Record extracts Start Marker

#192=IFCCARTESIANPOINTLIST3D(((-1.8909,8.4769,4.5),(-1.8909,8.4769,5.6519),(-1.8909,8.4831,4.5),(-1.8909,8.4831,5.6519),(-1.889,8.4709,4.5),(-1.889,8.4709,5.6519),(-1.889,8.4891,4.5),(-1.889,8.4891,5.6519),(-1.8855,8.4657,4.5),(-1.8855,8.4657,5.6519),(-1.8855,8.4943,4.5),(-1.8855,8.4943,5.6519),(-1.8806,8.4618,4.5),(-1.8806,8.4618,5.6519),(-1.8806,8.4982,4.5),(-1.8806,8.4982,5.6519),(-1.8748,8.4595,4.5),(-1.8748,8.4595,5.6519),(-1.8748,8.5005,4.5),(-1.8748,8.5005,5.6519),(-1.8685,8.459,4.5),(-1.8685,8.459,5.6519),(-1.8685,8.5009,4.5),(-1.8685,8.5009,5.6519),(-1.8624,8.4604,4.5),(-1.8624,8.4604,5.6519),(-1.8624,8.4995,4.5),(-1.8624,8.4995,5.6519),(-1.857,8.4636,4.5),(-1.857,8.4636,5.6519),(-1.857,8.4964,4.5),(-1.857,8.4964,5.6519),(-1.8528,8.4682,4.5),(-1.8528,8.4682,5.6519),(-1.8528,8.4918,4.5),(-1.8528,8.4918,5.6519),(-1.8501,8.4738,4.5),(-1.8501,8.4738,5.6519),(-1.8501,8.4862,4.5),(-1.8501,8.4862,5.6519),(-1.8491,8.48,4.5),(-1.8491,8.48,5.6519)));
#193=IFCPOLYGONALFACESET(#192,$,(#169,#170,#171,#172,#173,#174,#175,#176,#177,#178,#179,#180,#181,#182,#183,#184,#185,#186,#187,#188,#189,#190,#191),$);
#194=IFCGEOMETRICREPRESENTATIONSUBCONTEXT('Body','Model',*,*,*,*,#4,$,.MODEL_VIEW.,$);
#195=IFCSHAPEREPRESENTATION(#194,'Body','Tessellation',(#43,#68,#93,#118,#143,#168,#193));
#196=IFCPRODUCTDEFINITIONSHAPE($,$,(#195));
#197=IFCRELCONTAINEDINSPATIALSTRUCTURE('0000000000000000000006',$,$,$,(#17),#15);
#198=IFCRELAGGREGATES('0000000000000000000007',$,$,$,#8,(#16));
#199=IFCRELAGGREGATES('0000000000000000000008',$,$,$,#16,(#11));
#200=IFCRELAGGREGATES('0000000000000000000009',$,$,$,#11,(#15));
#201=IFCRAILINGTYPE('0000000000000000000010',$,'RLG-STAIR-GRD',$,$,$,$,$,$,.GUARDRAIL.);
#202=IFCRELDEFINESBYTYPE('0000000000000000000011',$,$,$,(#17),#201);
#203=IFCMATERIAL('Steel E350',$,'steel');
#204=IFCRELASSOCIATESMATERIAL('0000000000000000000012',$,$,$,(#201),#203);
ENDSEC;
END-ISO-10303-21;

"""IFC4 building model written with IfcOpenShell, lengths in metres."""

Record extracts End Marker

What is required:
Copy out the entries above again, keeping them exact.

Reply:
#192=IFCCARTESIANPOINTLIST3D(((-1.8909,8.4769,4.5),(-1.8909,8.4769,5.6519),(-1.8909,8.4831,4.5),(-1.8909,8.4831,5.6519),(-1.889,8.4709,4.5),(-1.889,8.4709,5.6519),(-1.889,8.4891,4.5),(-1.889,8.4891,5.6519),(-1.8855,8.4657,4.5),(-1.8855,8.4657,5.6519),(-1.8855,8.4943,4.5),(-1.8855,8.4943,5.6519),(-1.8806,8.4618,4.5),(-1.8806,8.4618,5.6519),(-1.8806,8.4982,4.5),(-1.8806,8.4982,5.6519),(-1.8748,8.4595,4.5),(-1.8748,8.4595,5.6519),(-1.8748,8.5005,4.5),(-1.8748,8.5005,5.6519),(-1.8685,8.459,4.5),(-1.8685,8.459,5.6519),(-1.8685,8.5009,4.5),(-1.8685,8.5009,5.6519),(-1.8624,8.4604,4.5),(-1.8624,8.4604,5.6519),(-1.8624,8.4995,4.5),(-1.8624,8.4995,5.6519),(-1.857,8.4636,4.5),(-1.857,8.4636,5.6519),(-1.857,8.4964,4.5),(-1.857,8.4964,5.6519),(-1.8528,8.4682,4.5),(-1.8528,8.4682,5.6519),(-1.8528,8.4918,4.5),(-1.8528,8.4918,5.6519),(-1.8501,8.4738,4.5),(-1.8501,8.4738,5.6519),(-1.8501,8.4862,4.5),(-1.8501,8.4862,5.6519),(-1.8491,8.48,4.5),(-1.8491,8.48,5.6519)));
#193=IFCPOLYGONALFACESET(#192,$,(#169,#170,#171,#172,#173,#174,#175,#176,#177,#178,#179,#180,#181,#182,#183,#184,#185,#186,#187,#188,#189,#190,#191),$);
#194=IFCGEOMETRICREPRESENTATIONSUBCONTEXT('Body','Model',*,*,*,*,#4,$,.MODEL_VIEW.,$);
#195=IFCSHAPEREPRESENTATION(#194,'Body','Tessellation',(#43,#68,#93,#118,#143,#168,#193));
#196=IFCPRODUCTDEFINITIONSHAPE($,$,(#195));
#197=IFCRELCONTAINEDINSPATIALSTRUCTURE('0000000000000000000006',$,$,$,(#17),#15);
#198=IFCRELAGGREGATES('0000000000000000000007',$,$,$,#8,(#16));
#199=IFCRELAGGREGATES('0000000000000000000008',$,$,$,#16,(#11));
#200=IFCRELAGGREGATES('0000000000000000000009',$,$,$,#11,(#15));
#201=IFCRAILINGTYPE('0000000000000000000010',$,'RLG-STAIR-GRD',$,$,$,$,$,$,.GUARDRAIL.);
#202=IFCRELDEFINESBYTYPE('0000000000000000000011',$,$,$,(#17),#201);
#203=IFCMATERIAL('Steel E350',$,'steel');
#204=IFCRELASSOCIATESMATERIAL('0000000000000000000012',$,$,$,(#201),#203);
ENDSEC;
END-ISO-10303-21;

"""IFC4 building model written with IfcOpenShell, lengths in metres."""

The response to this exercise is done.